**EXERCISE PROMPT:**
Output only how many lines below contain "mineral".
+ + + + +
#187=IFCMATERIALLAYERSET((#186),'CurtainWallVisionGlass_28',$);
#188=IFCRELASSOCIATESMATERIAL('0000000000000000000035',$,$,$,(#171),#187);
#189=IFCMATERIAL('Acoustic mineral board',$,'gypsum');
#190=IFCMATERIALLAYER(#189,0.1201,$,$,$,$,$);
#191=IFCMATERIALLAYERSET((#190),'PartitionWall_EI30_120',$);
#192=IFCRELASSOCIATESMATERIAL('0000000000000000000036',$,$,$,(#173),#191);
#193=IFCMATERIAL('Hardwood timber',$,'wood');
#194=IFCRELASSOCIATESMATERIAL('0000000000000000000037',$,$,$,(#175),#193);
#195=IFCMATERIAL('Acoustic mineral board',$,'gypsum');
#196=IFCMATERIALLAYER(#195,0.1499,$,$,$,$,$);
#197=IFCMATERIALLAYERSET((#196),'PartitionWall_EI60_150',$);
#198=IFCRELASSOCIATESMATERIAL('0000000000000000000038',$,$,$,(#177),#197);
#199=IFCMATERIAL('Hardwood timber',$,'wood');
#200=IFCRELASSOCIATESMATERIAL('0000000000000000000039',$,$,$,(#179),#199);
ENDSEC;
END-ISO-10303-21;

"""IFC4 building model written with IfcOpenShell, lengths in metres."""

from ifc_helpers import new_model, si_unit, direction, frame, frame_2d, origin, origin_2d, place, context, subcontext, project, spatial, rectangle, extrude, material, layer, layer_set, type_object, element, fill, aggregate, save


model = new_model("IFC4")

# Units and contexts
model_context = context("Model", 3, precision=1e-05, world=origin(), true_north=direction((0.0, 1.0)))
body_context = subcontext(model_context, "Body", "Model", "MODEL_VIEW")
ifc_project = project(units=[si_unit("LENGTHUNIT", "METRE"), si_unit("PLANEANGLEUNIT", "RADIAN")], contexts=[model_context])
+ + + + +
**OUTPUT OF THE TASK:**
2